(Source records)
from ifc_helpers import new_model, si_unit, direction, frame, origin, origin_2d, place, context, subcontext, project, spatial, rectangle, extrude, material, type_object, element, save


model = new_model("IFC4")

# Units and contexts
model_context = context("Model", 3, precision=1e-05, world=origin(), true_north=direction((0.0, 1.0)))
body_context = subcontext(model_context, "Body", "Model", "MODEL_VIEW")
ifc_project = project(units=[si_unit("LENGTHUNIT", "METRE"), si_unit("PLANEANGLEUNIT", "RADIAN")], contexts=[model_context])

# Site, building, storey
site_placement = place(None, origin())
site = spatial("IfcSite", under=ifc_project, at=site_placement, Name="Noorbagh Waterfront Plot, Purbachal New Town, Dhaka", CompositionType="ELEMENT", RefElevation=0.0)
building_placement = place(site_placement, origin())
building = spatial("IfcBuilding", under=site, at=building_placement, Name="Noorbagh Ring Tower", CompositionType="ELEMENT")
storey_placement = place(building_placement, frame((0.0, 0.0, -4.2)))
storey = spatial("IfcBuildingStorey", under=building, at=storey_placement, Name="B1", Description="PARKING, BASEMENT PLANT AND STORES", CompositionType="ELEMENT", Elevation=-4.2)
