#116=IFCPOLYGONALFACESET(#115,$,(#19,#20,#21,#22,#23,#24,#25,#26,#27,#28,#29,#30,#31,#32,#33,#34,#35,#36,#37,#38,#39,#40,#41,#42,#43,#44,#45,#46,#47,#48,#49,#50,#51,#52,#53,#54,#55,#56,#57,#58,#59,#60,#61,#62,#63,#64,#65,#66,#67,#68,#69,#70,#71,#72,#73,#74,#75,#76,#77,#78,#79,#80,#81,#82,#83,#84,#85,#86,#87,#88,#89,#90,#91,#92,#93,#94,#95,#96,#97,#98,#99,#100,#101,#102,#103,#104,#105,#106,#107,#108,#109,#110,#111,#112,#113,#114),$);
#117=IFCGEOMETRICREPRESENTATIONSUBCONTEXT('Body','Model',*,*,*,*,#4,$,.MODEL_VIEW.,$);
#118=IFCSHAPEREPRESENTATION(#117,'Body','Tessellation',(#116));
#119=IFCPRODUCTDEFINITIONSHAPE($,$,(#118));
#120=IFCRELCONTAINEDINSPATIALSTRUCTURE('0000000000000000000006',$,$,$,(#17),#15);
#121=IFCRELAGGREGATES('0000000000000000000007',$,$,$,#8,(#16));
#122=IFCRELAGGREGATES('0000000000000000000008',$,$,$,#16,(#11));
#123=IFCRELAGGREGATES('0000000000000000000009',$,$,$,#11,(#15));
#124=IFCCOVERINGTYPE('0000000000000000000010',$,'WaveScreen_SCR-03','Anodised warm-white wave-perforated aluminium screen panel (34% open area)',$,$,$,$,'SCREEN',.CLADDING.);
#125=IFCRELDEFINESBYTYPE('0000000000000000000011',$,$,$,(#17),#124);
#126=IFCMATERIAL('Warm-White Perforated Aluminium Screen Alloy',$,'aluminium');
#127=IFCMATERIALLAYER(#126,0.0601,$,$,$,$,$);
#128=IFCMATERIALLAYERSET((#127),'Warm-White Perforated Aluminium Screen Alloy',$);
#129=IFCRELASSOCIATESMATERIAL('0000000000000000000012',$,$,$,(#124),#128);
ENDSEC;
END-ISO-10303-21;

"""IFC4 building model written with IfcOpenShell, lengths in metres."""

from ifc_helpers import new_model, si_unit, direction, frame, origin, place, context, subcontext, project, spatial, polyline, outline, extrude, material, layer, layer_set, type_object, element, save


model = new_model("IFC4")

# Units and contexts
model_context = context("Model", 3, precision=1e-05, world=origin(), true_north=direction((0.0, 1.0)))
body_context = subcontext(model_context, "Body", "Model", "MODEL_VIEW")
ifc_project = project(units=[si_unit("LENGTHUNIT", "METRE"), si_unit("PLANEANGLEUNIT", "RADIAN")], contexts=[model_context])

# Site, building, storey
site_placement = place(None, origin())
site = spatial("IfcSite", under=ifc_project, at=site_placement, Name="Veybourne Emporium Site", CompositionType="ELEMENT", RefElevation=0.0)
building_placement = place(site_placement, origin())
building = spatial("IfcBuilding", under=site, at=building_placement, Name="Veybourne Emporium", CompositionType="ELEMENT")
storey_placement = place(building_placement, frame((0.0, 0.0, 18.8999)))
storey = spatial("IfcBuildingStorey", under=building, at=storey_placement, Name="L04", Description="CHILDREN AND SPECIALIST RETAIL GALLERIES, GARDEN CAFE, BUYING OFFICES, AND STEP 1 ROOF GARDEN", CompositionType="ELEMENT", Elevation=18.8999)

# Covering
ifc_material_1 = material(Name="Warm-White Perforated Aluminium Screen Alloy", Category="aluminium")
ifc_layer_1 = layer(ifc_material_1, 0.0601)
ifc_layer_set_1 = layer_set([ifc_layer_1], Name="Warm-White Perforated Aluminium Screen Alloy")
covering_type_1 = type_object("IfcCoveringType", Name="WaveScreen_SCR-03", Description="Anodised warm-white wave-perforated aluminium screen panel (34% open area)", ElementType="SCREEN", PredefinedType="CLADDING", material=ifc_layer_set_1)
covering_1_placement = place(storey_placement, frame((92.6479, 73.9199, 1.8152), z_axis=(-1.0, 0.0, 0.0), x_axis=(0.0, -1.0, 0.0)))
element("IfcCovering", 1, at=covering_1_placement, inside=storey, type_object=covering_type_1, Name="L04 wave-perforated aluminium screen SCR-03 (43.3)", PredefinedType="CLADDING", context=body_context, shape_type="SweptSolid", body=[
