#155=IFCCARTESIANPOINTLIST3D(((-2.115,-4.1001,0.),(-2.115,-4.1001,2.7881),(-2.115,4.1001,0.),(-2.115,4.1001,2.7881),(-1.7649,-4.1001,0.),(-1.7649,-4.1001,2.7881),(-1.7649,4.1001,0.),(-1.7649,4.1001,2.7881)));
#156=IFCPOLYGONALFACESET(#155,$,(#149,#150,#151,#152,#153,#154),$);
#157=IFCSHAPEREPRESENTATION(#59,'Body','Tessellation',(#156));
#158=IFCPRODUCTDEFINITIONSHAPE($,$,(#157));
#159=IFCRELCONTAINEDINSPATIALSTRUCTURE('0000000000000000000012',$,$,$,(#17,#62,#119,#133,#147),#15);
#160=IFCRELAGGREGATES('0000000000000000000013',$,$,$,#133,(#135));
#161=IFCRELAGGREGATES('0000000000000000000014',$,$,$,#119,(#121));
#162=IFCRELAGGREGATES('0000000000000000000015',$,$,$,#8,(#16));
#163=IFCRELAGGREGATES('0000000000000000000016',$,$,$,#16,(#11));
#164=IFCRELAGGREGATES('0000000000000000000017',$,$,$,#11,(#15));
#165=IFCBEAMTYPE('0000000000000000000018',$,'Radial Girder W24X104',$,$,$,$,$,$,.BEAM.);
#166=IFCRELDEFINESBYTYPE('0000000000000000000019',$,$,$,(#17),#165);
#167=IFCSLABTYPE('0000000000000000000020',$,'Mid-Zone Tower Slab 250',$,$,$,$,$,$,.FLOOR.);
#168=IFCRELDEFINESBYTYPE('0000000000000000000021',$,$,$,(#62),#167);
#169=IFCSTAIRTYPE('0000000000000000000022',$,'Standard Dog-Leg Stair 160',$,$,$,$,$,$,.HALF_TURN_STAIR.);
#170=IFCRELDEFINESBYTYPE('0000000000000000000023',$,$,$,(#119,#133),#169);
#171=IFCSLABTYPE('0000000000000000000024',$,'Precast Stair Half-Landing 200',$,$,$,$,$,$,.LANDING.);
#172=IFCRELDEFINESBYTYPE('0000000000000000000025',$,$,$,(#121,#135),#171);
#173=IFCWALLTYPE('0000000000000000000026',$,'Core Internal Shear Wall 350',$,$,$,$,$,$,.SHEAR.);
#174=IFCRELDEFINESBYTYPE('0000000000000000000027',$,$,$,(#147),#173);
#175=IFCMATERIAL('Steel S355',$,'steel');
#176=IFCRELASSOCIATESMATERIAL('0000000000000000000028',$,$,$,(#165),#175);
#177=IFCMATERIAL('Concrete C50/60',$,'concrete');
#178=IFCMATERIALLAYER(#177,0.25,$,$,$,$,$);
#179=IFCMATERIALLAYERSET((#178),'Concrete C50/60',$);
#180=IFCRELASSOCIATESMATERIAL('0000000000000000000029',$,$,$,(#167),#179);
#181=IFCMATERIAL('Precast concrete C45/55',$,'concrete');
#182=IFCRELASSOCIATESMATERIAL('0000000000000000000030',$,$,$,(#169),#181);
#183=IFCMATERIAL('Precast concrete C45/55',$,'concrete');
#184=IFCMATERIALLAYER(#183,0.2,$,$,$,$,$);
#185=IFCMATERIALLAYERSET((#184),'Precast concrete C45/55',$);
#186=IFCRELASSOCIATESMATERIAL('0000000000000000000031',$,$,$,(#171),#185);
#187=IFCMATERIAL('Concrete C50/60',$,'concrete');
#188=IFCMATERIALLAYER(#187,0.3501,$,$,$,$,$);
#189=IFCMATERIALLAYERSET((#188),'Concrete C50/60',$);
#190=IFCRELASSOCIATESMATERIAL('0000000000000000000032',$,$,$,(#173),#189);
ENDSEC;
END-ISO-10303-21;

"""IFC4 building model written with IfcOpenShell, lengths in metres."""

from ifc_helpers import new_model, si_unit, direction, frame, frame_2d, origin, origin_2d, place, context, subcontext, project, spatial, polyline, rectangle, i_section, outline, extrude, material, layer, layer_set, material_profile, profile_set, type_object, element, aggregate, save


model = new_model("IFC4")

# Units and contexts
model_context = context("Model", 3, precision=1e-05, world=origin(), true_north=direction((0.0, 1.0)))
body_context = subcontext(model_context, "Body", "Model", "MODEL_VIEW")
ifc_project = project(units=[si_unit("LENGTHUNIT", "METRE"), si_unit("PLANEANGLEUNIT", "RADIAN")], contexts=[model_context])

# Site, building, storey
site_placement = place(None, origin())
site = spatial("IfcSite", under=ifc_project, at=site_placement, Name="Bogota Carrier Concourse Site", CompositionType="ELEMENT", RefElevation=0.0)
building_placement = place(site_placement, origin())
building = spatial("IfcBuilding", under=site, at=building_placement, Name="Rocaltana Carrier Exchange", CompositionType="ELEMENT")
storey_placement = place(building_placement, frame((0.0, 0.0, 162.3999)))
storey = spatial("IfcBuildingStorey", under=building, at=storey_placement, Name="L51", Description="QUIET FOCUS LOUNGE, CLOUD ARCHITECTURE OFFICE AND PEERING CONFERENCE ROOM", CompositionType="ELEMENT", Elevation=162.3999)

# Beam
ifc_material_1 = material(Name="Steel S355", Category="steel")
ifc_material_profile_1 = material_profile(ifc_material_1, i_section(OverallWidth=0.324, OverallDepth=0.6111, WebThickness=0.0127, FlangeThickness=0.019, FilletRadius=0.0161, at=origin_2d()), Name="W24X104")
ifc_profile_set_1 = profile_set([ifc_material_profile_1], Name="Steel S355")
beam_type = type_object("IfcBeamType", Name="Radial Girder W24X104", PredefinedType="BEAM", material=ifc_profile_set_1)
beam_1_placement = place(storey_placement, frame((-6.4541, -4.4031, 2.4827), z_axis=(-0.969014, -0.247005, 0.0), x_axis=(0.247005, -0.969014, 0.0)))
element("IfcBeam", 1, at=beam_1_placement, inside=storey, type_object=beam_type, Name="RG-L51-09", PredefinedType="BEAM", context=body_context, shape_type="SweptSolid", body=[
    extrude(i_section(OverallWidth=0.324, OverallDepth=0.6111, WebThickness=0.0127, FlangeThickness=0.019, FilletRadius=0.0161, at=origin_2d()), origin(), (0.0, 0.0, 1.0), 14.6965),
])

* Your goal:
Go through the entries and filter for lines holding the word "outline"; copy each match.

* Response area:
from ifc_helpers import new_model, si_unit, direction, frame, origin, place, context, subcontext, project, spatial, polyline, outline, extrude, material, layer, layer_set, type_object, element, save
from ifc_helpers import new_model, si_unit, direction, frame, frame_2d, origin, origin_2d, place, context, subcontext, project, spatial, polyline, rectangle, i_section, outline, extrude, material, layer, layer_set, material_profile, profile_set, type_object, element, aggregate, save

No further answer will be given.